Stored data:
□ □ □ □

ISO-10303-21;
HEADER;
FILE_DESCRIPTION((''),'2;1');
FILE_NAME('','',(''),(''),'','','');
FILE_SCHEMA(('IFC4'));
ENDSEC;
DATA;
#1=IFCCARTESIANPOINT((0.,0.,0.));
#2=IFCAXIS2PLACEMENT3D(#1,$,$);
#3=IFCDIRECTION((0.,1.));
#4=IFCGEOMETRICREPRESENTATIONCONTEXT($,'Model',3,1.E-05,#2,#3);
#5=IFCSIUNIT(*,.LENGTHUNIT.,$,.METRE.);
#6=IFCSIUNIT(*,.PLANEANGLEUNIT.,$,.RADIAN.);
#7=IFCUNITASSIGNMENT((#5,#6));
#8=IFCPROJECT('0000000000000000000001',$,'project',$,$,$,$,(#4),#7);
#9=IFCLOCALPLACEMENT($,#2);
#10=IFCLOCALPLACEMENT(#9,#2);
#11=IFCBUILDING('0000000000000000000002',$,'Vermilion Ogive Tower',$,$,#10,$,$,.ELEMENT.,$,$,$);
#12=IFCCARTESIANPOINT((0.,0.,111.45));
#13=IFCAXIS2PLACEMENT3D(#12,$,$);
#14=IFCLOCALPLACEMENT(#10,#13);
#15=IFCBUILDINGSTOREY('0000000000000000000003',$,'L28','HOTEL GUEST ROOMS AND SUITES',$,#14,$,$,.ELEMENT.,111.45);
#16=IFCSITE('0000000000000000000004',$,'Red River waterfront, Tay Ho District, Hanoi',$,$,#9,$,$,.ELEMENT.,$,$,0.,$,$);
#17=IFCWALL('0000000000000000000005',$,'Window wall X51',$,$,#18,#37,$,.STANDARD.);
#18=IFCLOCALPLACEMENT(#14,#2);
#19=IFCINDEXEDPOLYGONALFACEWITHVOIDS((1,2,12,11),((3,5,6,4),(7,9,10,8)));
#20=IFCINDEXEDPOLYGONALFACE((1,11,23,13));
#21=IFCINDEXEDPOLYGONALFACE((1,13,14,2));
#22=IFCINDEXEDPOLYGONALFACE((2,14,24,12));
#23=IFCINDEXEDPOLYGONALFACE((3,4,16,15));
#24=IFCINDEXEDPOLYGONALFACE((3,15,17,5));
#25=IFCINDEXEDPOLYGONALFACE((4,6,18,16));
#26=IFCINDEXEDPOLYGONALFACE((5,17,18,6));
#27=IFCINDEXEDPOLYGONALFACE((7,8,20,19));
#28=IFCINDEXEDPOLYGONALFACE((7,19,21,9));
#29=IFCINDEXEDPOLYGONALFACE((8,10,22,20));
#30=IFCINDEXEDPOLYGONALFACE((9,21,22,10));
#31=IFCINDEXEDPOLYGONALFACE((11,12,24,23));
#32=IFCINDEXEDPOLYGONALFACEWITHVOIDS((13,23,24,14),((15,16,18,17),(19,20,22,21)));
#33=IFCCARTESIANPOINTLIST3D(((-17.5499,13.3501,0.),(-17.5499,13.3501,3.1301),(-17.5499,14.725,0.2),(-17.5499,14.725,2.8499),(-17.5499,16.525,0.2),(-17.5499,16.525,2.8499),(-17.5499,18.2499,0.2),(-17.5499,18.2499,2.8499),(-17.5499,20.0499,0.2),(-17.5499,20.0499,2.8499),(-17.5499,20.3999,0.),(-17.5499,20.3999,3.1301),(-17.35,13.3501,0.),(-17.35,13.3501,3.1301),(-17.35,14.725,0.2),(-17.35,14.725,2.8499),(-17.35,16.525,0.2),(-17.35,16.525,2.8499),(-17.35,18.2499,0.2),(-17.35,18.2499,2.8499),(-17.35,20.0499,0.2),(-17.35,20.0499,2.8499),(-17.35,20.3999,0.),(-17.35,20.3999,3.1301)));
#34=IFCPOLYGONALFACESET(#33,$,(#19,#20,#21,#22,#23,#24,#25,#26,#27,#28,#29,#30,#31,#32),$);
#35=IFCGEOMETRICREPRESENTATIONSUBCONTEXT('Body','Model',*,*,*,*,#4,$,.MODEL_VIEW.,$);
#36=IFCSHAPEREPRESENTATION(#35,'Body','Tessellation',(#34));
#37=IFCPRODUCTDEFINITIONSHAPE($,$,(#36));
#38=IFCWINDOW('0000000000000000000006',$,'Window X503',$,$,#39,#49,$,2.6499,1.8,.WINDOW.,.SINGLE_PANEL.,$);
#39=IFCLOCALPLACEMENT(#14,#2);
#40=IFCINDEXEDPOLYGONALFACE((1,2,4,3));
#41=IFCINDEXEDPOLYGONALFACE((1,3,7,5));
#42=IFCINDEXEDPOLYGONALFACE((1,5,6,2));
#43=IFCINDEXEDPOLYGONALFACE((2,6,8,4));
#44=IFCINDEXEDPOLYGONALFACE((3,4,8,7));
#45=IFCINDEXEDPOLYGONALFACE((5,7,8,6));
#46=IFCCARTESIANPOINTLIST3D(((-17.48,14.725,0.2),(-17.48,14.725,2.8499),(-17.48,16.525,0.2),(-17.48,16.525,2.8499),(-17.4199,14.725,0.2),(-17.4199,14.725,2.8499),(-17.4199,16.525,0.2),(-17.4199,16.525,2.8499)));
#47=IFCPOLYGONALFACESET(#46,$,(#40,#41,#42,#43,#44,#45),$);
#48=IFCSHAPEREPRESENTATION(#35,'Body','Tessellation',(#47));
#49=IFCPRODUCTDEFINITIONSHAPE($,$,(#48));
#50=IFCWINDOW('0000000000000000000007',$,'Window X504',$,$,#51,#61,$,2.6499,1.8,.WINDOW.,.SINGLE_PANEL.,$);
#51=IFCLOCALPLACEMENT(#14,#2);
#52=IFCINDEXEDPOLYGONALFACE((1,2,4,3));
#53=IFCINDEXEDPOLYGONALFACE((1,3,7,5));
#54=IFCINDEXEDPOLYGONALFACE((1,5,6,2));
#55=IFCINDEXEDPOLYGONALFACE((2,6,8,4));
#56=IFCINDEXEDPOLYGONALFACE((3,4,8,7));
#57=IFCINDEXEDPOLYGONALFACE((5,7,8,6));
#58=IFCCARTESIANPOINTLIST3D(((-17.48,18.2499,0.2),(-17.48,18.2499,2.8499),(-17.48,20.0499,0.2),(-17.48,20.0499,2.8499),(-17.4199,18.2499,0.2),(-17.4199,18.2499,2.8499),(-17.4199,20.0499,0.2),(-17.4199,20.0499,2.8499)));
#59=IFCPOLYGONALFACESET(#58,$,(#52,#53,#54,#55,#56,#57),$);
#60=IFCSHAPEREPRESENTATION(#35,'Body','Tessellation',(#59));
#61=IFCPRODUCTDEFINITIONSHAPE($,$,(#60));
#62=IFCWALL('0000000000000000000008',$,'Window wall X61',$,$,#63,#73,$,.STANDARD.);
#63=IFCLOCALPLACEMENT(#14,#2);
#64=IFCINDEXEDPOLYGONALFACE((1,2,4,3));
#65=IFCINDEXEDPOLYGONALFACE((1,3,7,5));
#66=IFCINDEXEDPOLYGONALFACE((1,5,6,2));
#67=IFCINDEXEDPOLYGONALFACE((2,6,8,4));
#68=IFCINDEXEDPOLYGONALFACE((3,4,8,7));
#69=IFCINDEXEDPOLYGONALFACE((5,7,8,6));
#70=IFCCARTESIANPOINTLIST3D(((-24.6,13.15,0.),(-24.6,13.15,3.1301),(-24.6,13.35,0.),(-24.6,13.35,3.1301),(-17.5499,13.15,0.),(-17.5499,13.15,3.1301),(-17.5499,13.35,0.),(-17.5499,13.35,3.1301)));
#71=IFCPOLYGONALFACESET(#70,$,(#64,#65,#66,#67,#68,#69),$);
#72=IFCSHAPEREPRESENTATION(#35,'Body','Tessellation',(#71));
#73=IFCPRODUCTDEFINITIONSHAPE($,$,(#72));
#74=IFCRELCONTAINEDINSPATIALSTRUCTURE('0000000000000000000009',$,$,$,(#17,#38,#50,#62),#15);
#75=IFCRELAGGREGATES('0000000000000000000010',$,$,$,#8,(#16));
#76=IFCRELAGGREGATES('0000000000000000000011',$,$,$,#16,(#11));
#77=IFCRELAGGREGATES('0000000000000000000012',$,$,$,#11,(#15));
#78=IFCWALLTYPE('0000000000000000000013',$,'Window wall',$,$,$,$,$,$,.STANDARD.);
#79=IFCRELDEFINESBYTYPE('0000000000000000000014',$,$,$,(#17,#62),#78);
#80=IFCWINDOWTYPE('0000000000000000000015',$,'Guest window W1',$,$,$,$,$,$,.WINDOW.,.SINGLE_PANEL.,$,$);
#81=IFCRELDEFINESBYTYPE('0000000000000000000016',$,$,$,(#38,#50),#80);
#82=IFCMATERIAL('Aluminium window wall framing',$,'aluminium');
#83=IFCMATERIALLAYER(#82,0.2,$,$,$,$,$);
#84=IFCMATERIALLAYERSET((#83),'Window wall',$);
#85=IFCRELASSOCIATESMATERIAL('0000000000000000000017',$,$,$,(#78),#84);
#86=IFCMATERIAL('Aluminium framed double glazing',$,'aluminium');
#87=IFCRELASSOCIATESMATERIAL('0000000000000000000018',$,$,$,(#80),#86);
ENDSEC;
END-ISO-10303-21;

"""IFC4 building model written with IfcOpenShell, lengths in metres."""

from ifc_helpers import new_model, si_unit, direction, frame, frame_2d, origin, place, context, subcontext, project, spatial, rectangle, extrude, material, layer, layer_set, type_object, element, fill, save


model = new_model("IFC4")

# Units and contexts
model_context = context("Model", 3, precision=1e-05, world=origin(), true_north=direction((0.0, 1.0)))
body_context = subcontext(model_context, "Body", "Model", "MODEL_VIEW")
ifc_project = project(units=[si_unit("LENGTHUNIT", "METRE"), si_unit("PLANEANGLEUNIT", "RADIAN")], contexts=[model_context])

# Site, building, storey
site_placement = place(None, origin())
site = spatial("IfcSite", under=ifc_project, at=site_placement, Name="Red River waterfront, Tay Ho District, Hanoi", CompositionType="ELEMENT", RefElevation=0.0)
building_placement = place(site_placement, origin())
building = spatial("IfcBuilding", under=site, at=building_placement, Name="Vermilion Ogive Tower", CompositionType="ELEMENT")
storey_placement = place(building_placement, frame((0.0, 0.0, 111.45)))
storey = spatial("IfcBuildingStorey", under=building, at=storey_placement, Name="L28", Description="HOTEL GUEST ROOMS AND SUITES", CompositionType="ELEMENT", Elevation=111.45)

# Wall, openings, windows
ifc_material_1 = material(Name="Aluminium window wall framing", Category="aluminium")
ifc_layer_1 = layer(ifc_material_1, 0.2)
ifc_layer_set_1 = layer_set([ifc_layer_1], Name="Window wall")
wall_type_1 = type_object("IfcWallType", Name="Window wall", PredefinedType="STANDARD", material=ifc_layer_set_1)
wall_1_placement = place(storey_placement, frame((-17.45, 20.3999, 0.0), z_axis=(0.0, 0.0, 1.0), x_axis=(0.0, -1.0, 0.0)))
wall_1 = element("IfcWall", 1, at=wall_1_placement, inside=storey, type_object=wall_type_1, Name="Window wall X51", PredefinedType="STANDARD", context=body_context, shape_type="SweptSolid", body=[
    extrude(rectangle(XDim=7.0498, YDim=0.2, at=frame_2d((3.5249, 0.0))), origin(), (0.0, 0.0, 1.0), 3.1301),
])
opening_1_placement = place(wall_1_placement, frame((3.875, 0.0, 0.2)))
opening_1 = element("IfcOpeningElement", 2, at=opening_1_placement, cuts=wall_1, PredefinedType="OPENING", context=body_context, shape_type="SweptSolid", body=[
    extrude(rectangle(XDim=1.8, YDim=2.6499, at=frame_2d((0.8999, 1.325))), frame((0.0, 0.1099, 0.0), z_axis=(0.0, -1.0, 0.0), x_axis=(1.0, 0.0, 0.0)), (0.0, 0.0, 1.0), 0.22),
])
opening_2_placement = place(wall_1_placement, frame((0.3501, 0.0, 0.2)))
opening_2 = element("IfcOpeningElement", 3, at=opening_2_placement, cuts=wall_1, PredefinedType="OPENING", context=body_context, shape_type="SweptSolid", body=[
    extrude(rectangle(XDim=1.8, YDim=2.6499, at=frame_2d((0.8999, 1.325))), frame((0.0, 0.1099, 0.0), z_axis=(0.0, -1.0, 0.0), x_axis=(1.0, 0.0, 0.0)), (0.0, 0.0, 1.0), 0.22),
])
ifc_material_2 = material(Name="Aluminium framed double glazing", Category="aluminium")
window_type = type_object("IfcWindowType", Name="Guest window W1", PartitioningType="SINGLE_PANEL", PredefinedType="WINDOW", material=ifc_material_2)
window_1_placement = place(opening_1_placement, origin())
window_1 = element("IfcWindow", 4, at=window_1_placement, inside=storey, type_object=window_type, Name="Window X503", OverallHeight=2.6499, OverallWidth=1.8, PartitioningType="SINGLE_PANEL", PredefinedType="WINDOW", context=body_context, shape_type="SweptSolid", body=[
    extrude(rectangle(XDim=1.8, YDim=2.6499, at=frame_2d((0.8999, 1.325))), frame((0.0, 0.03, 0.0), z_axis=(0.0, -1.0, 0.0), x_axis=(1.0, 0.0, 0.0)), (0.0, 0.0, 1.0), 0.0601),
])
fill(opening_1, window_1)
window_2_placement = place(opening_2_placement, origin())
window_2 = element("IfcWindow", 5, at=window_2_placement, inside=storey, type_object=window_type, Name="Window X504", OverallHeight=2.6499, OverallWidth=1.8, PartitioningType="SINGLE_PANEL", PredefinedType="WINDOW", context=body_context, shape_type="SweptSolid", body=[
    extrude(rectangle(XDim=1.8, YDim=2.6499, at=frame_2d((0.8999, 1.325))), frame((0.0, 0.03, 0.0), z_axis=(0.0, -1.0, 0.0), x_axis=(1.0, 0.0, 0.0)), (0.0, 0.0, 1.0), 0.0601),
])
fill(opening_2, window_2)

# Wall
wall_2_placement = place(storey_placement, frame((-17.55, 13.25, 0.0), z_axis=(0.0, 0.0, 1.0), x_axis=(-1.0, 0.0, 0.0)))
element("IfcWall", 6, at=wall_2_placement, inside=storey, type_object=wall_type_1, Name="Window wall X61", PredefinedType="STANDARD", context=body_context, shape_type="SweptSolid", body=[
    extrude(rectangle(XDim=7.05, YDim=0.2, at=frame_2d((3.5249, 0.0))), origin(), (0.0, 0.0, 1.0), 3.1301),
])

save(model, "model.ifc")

□ □ □ □

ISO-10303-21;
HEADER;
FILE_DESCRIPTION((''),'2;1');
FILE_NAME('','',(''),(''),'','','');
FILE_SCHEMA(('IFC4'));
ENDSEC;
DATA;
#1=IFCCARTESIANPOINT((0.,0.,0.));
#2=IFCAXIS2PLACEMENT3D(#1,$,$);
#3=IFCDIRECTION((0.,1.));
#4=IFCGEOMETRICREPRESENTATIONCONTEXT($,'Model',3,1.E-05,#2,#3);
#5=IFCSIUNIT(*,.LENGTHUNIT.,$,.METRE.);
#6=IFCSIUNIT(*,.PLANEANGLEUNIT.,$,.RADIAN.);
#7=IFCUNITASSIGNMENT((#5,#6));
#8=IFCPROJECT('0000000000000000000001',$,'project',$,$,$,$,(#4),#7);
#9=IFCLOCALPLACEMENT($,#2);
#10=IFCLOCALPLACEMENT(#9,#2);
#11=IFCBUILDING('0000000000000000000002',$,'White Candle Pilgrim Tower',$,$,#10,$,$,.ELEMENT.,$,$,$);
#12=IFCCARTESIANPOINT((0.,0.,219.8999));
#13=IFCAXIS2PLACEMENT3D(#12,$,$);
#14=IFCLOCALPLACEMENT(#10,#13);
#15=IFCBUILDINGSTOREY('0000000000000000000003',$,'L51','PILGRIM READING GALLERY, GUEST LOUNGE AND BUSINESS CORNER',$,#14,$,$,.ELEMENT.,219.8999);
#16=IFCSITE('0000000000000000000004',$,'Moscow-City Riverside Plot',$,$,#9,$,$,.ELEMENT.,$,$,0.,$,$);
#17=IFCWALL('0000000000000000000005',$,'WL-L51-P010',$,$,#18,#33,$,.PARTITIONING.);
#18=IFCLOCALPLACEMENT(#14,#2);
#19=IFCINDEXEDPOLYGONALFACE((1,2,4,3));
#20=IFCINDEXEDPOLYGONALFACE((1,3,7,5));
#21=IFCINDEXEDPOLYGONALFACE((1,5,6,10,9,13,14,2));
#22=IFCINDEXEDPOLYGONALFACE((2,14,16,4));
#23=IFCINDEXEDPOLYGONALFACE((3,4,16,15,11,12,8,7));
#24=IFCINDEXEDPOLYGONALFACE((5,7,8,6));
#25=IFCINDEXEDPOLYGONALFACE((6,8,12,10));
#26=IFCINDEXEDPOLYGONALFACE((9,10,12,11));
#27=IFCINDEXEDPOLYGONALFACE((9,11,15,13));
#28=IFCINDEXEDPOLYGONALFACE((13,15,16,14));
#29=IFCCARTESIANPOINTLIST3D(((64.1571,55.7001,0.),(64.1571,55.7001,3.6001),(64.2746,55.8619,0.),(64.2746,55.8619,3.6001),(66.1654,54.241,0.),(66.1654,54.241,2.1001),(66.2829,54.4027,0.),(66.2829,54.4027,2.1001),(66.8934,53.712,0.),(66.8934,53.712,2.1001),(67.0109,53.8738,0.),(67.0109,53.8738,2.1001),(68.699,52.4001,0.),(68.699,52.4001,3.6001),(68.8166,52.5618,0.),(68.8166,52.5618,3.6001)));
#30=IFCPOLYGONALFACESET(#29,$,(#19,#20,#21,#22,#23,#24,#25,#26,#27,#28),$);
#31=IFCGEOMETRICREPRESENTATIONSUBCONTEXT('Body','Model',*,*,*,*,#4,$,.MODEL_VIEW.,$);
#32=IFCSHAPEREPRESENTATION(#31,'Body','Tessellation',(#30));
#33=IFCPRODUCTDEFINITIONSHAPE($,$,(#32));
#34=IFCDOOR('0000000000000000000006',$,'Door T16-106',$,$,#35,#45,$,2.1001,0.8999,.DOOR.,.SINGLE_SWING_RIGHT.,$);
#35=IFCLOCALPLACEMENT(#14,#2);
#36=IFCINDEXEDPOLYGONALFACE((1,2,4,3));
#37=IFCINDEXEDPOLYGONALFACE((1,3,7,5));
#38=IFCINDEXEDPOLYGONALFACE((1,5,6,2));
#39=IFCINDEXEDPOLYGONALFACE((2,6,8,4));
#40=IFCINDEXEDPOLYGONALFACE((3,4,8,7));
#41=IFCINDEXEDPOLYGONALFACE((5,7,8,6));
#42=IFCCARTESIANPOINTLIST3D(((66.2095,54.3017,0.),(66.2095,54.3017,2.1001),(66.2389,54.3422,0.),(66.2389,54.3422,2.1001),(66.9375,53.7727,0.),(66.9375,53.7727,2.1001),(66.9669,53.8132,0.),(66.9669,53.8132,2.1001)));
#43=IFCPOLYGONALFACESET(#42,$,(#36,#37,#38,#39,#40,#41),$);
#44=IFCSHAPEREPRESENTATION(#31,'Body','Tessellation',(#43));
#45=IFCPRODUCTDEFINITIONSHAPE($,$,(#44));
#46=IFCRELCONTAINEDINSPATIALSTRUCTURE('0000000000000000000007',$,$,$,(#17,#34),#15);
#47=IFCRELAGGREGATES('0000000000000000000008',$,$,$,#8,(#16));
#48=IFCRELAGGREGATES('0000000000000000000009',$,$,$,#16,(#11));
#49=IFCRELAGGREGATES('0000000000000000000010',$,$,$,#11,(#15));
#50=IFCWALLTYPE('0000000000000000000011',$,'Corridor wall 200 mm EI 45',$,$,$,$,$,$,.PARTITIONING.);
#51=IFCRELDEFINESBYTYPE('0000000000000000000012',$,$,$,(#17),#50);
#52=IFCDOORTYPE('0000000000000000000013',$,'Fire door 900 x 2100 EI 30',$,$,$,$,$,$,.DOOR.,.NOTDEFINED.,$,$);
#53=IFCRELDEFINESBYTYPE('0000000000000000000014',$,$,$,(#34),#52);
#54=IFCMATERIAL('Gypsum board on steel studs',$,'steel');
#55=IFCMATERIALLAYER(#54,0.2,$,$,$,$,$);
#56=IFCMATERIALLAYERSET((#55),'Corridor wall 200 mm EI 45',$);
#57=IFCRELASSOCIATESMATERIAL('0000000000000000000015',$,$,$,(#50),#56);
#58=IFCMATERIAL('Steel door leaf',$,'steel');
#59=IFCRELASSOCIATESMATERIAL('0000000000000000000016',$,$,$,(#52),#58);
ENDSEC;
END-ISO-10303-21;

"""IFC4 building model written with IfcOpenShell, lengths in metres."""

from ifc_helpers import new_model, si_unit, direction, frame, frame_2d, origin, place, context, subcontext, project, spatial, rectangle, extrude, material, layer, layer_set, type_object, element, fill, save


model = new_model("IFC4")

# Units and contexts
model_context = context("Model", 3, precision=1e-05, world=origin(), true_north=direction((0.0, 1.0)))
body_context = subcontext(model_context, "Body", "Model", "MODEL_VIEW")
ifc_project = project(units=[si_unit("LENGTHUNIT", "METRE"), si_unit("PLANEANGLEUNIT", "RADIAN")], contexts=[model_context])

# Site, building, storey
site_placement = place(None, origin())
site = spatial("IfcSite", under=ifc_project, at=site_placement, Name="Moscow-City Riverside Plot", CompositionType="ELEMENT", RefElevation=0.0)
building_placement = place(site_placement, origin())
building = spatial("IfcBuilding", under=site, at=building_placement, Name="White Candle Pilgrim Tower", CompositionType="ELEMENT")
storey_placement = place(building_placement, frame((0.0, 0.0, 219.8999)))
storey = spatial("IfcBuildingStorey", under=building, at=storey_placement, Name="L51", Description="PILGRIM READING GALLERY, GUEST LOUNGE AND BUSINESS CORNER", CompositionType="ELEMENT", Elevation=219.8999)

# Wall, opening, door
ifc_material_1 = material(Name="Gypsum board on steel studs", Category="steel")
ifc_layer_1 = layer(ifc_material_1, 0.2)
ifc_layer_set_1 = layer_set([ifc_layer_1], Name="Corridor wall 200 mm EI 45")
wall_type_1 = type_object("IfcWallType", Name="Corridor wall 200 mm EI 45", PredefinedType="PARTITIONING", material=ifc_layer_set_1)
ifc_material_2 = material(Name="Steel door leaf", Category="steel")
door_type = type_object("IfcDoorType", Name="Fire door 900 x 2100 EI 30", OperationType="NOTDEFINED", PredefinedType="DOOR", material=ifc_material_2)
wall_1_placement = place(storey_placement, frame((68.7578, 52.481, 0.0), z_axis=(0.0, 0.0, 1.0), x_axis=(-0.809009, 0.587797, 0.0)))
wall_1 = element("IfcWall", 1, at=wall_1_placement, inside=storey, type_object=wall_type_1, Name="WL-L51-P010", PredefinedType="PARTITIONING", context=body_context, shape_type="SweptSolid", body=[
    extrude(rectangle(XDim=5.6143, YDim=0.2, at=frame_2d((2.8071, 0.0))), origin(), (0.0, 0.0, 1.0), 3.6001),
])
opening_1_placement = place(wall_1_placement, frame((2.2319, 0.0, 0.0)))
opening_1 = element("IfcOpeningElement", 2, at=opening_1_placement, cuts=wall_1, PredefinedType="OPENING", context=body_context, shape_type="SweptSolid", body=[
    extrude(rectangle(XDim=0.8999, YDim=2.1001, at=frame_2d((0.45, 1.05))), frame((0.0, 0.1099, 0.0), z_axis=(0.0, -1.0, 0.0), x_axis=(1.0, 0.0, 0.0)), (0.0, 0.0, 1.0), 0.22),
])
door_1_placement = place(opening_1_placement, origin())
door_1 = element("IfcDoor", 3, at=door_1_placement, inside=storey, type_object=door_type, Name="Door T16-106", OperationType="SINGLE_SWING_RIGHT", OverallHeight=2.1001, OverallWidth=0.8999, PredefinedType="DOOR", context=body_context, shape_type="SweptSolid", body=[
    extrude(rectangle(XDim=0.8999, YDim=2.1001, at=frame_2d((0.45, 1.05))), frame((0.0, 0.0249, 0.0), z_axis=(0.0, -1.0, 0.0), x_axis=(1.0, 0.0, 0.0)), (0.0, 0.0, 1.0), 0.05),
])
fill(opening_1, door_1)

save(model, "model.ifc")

□ □ □ □

Look through the data above and return exactly the lines from the one that contains "#39=IFCLOCALPLACEMENT(#14,#2);" to the one that contains "#45=IFCINDEXEDPOLYGONALFACE((5,7,8,6));", inclusive, with nothing else.

# Answer to the exercise
#39=IFCLOCALPLACEMENT(#14,#2);
#40=IFCINDEXEDPOLYGONALFACE((1,2,4,3));
#41=IFCINDEXEDPOLYGONALFACE((1,3,7,5));
#42=IFCINDEXEDPOLYGONALFACE((1,5,6,2));
#43=IFCINDEXEDPOLYGONALFACE((2,6,8,4));
#44=IFCINDEXEDPOLYGONALFACE((3,4,8,7));
#45=IFCINDEXEDPOLYGONALFACE((5,7,8,6));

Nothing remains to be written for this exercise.